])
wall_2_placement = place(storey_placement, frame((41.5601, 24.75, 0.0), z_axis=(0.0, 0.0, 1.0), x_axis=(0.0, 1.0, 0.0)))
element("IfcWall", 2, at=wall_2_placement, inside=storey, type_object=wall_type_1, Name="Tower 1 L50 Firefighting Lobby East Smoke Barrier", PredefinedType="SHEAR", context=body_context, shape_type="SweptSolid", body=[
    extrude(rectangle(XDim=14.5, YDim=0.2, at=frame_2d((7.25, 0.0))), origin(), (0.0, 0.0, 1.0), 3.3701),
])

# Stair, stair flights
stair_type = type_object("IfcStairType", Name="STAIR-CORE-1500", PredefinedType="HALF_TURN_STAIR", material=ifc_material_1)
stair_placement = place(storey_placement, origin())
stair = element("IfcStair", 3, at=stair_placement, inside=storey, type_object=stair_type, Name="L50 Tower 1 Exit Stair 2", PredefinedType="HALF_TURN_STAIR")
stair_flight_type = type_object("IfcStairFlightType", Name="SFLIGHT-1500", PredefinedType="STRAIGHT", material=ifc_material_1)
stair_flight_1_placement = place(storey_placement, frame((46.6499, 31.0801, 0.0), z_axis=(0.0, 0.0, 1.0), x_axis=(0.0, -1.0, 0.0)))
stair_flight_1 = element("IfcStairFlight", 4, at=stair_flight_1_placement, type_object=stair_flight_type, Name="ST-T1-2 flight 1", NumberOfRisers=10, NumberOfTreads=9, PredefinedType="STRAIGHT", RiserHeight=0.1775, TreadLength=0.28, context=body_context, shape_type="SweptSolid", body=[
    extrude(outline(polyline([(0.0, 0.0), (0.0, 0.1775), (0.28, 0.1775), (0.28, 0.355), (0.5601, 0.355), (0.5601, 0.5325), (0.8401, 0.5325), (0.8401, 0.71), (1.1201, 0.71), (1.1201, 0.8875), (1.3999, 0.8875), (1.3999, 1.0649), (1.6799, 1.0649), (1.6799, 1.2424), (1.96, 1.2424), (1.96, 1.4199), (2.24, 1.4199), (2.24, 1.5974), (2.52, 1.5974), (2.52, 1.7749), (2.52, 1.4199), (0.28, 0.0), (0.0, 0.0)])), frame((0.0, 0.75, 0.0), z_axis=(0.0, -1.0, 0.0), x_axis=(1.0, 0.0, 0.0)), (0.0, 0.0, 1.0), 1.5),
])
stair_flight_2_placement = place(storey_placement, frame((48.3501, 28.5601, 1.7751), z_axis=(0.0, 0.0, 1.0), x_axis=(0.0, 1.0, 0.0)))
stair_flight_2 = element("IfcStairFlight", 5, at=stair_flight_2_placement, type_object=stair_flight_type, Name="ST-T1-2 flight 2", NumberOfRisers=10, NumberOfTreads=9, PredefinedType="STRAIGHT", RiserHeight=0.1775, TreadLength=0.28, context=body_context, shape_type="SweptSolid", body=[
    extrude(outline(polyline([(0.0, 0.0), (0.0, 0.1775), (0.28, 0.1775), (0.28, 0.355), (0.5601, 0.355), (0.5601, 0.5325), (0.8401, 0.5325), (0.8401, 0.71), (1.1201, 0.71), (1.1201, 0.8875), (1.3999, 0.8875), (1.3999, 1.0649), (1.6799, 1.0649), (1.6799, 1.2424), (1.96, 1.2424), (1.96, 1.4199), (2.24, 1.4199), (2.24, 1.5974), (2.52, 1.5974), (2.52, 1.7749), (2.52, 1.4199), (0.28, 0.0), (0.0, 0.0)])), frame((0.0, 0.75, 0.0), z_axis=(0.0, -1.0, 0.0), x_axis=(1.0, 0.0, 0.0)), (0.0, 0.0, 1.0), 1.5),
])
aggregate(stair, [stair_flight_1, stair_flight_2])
= = = =
◆ **Task to complete**:
Return all of the data above verbatim.

◆ **Reply to the exercise**:
])
wall_2_placement = place(storey_placement, frame((41.5601, 24.75, 0.0), z_axis=(0.0, 0.0, 1.0), x_axis=(0.0, 1.0, 0.0)))
element("IfcWall", 2, at=wall_2_placement, inside=storey, type_object=wall_type_1, Name="Tower 1 L50 Firefighting Lobby East Smoke Barrier", PredefinedType="SHEAR", context=body_context, shape_type="SweptSolid", body=[
    extrude(rectangle(XDim=14.5, YDim=0.2, at=frame_2d((7.25, 0.0))), origin(), (0.0, 0.0, 1.0), 3.3701),
])

# Stair, stair flights
stair_type = type_object("IfcStairType", Name="STAIR-CORE-1500", PredefinedType="HALF_TURN_STAIR", material=ifc_material_1)
stair_placement = place(storey_placement, origin())
stair = element("IfcStair", 3, at=stair_placement, inside=storey, type_object=stair_type, Name="L50 Tower 1 Exit Stair 2", PredefinedType="HALF_TURN_STAIR")
stair_flight_type = type_object("IfcStairFlightType", Name="SFLIGHT-1500", PredefinedType="STRAIGHT", material=ifc_material_1)
stair_flight_1_placement = place(storey_placement, frame((46.6499, 31.0801, 0.0), z_axis=(0.0, 0.0, 1.0), x_axis=(0.0, -1.0, 0.0)))
stair_flight_1 = element("IfcStairFlight", 4, at=stair_flight_1_placement, type_object=stair_flight_type, Name="ST-T1-2 flight 1", NumberOfRisers=10, NumberOfTreads=9, PredefinedType="STRAIGHT", RiserHeight=0.1775, TreadLength=0.28, context=body_context, shape_type="SweptSolid", body=[
    extrude(outline(polyline([(0.0, 0.0), (0.0, 0.1775), (0.28, 0.1775), (0.28, 0.355), (0.5601, 0.355), (0.5601, 0.5325), (0.8401, 0.5325), (0.8401, 0.71), (1.1201, 0.71), (1.1201, 0.8875), (1.3999, 0.8875), (1.3999, 1.0649), (1.6799, 1.0649), (1.6799, 1.2424), (1.96, 1.2424), (1.96, 1.4199), (2.24, 1.4199), (2.24, 1.5974), (2.52, 1.5974), (2.52, 1.7749), (2.52, 1.4199), (0.28, 0.0), (0.0, 0.0)])), frame((0.0, 0.75, 0.0), z_axis=(0.0, -1.0, 0.0), x_axis=(1.0, 0.0, 0.0)), (0.0, 0.0, 1.0), 1.5),
])
stair_flight_2_placement = place(storey_placement, frame((48.3501, 28.5601, 1.7751), z_axis=(0.0, 0.0, 1.0), x_axis=(0.0, 1.0, 0.0)))
stair_flight_2 = element("IfcStairFlight", 5, at=stair_flight_2_placement, type_object=stair_flight_type, Name="ST-T1-2 flight 2", NumberOfRisers=10, NumberOfTreads=9, PredefinedType="STRAIGHT", RiserHeight=0.1775, TreadLength=0.28, context=body_context, shape_type="SweptSolid", body=[
    extrude(outline(polyline([(0.0, 0.0), (0.0, 0.1775), (0.28, 0.1775), (0.28, 0.355), (0.5601, 0.355), (0.5601, 0.5325), (0.8401, 0.5325), (0.8401, 0.71), (1.1201, 0.71), (1.1201, 0.8875), (1.3999, 0.8875), (1.3999, 1.0649), (1.6799, 1.0649), (1.6799, 1.2424), (1.96, 1.2424), (1.96, 1.4199), (2.24, 1.4199), (2.24, 1.5974), (2.52, 1.5974), (2.52, 1.7749), (2.52, 1.4199), (0.28, 0.0), (0.0, 0.0)])), frame((0.0, 0.75, 0.0), z_axis=(0.0, -1.0, 0.0), x_axis=(1.0, 0.0, 0.0)), (0.0, 0.0, 1.0), 1.5),
])
aggregate(stair, [stair_flight_1, stair_flight_2])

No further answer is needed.